→ Your goal
Looking at the listing below, retype exactly the lines starting at the one containing "#71=IFCINDEXEDPOLYGONALFACE((1,5,6,2));" and ending at the one containing "#78=IFCINDEXEDPOLYGONALFACE((13,17,18,14));", both included, and nothing else.

→ Data shown
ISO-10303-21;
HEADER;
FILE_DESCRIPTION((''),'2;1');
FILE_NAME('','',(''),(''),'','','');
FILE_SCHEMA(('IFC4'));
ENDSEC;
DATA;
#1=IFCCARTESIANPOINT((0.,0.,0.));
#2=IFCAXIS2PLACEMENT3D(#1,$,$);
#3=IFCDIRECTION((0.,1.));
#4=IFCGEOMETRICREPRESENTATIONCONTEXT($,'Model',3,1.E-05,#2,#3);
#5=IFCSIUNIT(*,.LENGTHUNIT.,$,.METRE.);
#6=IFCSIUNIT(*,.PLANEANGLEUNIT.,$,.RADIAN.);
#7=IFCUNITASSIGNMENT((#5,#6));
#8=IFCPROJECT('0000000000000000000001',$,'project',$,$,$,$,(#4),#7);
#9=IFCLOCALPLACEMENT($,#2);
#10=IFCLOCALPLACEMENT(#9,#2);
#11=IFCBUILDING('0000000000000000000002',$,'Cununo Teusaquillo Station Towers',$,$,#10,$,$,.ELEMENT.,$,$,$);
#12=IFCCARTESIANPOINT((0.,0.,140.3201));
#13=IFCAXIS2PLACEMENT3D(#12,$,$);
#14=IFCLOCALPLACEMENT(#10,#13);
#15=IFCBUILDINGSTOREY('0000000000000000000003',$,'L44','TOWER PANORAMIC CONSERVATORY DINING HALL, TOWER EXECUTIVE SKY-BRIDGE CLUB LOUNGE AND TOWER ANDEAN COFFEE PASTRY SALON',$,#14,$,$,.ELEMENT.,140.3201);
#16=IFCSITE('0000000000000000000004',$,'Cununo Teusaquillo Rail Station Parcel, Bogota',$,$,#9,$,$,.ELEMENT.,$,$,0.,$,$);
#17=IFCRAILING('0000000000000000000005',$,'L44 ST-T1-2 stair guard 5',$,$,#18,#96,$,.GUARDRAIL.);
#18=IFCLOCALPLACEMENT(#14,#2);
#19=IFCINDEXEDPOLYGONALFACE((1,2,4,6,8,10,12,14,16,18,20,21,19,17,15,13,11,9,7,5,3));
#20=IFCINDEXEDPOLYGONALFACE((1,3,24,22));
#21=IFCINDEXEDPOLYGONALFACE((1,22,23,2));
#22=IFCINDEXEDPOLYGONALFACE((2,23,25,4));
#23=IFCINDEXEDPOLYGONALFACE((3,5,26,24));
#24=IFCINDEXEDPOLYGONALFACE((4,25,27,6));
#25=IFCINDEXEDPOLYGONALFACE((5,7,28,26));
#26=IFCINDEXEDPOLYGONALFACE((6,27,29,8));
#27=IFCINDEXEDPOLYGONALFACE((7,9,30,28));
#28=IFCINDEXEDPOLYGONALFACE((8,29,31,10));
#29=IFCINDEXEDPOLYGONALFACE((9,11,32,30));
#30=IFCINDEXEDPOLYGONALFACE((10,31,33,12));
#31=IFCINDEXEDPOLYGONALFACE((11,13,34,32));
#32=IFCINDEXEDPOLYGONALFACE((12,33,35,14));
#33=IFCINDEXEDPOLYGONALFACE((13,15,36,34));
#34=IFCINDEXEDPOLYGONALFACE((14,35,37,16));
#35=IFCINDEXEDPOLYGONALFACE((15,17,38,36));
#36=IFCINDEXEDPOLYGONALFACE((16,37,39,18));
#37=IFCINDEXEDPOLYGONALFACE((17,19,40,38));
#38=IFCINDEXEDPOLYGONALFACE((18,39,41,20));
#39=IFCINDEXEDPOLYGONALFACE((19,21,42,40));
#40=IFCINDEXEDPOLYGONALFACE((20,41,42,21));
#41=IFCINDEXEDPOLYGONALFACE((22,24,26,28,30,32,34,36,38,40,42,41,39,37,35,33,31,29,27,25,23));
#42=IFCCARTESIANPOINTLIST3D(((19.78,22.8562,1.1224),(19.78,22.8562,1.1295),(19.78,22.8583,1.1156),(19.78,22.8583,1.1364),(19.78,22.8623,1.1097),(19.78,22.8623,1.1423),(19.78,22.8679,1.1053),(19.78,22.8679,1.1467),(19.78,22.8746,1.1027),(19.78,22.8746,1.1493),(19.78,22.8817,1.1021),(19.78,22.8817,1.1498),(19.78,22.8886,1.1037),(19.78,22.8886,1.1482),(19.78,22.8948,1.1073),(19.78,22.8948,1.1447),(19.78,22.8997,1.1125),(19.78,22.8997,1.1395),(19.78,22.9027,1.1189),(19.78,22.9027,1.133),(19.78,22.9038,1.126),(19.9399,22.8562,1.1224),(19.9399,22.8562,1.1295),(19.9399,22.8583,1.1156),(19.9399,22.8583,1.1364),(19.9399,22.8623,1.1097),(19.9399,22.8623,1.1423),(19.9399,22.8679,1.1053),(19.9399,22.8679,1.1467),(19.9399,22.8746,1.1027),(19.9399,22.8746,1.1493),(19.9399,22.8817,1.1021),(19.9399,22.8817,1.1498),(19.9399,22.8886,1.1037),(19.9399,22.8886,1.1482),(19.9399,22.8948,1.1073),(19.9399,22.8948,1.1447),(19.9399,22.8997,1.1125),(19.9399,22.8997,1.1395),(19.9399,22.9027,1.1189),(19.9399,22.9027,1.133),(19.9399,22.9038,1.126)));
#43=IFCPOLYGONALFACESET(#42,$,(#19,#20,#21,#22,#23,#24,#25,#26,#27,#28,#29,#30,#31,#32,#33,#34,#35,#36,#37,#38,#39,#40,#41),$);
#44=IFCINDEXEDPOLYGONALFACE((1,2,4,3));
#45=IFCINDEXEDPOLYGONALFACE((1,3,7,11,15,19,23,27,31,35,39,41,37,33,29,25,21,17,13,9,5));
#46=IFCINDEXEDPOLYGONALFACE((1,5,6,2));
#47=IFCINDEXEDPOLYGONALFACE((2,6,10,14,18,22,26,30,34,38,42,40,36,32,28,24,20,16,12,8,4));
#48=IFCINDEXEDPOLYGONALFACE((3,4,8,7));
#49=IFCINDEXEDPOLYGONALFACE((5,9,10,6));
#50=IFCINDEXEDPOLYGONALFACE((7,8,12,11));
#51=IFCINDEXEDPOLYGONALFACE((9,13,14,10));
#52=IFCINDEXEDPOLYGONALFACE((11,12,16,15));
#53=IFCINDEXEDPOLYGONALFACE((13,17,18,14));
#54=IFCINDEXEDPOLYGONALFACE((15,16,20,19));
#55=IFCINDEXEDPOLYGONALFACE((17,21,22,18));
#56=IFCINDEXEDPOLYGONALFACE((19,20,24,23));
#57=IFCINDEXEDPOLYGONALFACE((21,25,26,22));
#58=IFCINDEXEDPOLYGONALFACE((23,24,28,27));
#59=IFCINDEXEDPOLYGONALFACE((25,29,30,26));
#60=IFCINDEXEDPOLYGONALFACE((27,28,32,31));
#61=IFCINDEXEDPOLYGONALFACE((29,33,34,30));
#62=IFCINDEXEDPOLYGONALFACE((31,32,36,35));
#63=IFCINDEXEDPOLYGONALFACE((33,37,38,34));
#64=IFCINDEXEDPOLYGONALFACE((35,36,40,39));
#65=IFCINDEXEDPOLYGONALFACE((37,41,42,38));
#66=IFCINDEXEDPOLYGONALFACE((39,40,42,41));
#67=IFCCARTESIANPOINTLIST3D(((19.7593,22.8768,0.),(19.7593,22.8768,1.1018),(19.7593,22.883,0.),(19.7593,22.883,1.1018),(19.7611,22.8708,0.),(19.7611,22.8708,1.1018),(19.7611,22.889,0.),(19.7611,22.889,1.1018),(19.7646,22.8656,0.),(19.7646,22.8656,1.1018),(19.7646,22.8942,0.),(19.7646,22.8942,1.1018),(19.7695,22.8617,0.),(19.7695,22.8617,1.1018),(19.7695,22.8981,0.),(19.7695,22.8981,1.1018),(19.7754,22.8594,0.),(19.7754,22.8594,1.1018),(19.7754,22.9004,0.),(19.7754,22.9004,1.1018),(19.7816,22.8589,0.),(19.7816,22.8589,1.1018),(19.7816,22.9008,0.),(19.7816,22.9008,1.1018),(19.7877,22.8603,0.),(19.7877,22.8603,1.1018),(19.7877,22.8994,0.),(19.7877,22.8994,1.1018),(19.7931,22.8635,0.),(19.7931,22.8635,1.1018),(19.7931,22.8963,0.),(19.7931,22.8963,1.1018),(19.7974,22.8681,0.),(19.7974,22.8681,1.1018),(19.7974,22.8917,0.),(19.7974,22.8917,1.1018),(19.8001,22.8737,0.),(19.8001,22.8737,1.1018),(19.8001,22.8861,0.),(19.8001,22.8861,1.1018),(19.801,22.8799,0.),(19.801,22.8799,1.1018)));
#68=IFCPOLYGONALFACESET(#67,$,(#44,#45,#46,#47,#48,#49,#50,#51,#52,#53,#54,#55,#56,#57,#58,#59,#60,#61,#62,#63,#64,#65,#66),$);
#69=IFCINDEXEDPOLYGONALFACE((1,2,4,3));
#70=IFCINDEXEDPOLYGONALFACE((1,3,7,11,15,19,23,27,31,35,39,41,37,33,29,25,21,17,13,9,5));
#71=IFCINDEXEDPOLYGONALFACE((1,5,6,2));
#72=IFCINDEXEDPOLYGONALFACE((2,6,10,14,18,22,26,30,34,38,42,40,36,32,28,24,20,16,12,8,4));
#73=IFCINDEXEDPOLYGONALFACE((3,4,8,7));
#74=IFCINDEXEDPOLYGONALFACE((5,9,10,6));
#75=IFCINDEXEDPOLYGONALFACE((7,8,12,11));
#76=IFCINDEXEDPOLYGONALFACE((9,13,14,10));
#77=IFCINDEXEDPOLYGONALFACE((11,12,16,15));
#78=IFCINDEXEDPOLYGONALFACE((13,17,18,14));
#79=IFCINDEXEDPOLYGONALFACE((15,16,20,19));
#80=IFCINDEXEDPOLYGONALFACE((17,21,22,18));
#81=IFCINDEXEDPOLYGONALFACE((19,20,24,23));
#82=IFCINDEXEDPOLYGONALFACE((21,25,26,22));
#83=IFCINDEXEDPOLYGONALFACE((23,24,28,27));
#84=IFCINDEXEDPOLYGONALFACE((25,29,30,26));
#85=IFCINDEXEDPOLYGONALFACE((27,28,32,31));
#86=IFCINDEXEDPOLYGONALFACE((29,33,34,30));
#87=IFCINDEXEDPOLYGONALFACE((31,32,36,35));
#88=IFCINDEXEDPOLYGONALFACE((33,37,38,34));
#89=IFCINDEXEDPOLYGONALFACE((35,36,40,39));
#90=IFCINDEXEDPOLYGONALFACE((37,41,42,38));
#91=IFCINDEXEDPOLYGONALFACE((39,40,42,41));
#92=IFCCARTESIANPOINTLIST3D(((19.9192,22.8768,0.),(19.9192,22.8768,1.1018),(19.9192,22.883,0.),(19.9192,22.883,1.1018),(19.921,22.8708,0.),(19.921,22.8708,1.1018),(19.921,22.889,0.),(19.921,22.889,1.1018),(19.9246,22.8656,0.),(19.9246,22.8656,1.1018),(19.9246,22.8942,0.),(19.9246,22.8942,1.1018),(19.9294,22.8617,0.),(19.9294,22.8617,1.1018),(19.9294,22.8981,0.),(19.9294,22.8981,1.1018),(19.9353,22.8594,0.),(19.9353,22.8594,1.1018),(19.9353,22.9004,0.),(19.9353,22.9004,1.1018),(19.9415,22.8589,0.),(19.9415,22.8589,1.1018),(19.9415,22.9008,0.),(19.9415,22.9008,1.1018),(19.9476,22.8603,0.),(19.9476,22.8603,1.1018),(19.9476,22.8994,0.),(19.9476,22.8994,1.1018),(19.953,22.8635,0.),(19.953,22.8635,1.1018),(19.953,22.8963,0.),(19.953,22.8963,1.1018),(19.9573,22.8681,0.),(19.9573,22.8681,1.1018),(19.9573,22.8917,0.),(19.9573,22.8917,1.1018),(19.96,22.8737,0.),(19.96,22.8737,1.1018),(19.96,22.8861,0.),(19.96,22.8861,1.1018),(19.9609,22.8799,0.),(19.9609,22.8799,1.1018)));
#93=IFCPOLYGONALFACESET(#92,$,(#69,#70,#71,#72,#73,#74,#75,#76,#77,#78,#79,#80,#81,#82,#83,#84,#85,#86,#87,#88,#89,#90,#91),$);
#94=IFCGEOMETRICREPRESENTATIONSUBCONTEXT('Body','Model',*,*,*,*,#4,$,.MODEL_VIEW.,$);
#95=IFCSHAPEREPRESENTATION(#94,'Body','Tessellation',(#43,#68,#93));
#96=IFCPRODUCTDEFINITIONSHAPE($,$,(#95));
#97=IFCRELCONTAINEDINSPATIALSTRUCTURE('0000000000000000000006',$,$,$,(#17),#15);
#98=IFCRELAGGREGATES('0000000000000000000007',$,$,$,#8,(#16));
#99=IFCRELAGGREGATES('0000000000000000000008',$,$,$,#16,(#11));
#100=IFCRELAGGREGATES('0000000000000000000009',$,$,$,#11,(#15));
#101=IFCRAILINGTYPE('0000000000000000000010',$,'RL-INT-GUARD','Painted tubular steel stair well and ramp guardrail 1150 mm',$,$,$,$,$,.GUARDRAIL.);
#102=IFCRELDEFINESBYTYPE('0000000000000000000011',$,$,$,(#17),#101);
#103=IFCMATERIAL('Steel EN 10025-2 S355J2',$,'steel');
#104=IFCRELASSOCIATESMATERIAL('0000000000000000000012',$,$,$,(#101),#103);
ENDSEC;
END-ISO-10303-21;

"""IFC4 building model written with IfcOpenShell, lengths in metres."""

from ifc_helpers import new_model, si_unit, direction, frame, origin, origin_2d, place, context, subcontext, project, spatial, circle, extrude, material, type_object, element, save


model = new_model("IFC4")

# Units and contexts
model_context = context("Model", 3, precision=1e-05, world=origin(), true_north=direction((0.0, 1.0)))
body_context = subcontext(model_context, "Body", "Model", "MODEL_VIEW")
ifc_project = project(units=[si_unit("LENGTHUNIT", "METRE"), si_unit("PLANEANGLEUNIT", "RADIAN")], contexts=[model_context])

# Site, building, storey
site_placement = place(None, origin())
site = spatial("IfcSite", under=ifc_project, at=site_placement, Name="Cununo Teusaquillo Rail Station Parcel, Bogota", CompositionType="ELEMENT", RefElevation=0.0)
building_placement = place(site_placement, origin())
building = spatial("IfcBuilding", under=site, at=building_placement, Name="Cununo Teusaquillo Station Towers", CompositionType="ELEMENT")
storey_placement = place(building_placement, frame((0.0, 0.0, 140.3201)))
storey = spatial("IfcBuildingStorey", under=building, at=storey_placement, Name="L44", Description="TOWER PANORAMIC CONSERVATORY DINING HALL, TOWER EXECUTIVE SKY-BRIDGE CLUB LOUNGE AND TOWER ANDEAN COFFEE PASTRY SALON", CompositionType="ELEMENT", Elevation=140.3201)

# Railing
ifc_material_1 = material(Name="Steel EN 10025-2 S355J2", Category="steel")
railing_type_1 = type_object("IfcRailingType", Name="RL-INT-GUARD", Description="Painted tubular steel stair well and ramp guardrail 1150 mm", PredefinedType="GUARDRAIL", material=ifc_material_1)
railing_1_placement = place(storey_placement, frame((19.78, 22.8799, 0.0)))
element("IfcRailing", 1, at=railing_1_placement, inside=storey, type_object=railing_type_1, Name="L44 ST-T1-2 stair guard 5", PredefinedType="GUARDRAIL", context=body_context, shape_type="SweptSolid", body=[
    extrude(circle(Radius=0.0239, at=origin_2d()), frame((0.0, 0.0, 1.126), z_axis=(1.0, 0.0, 0.0), x_axis=(0.0, 1.0, 0.0)), (0.0, 0.0, 1.0), 0.1599),
    extrude(circle(Radius=0.021, at=origin_2d()), origin(), (0.0, 0.0, 1.0), 1.1018),
    extrude(circle(Radius=0.021, at=origin_2d()), frame((0.1599, 0.0, 0.0)), (0.0, 0.0, 1.0), 1.1018),
])

save(model, "model.ifc")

→ Answer below
#71=IFCINDEXEDPOLYGONALFACE((1,5,6,2));
#72=IFCINDEXEDPOLYGONALFACE((2,6,10,14,18,22,26,30,34,38,42,40,36,32,28,24,20,16,12,8,4));
#73=IFCINDEXEDPOLYGONALFACE((3,4,8,7));
#74=IFCINDEXEDPOLYGONALFACE((5,9,10,6));
#75=IFCINDEXEDPOLYGONALFACE((7,8,12,11));
#76=IFCINDEXEDPOLYGONALFACE((9,13,14,10));
#77=IFCINDEXEDPOLYGONALFACE((11,12,16,15));
#78=IFCINDEXEDPOLYGONALFACE((13,17,18,14));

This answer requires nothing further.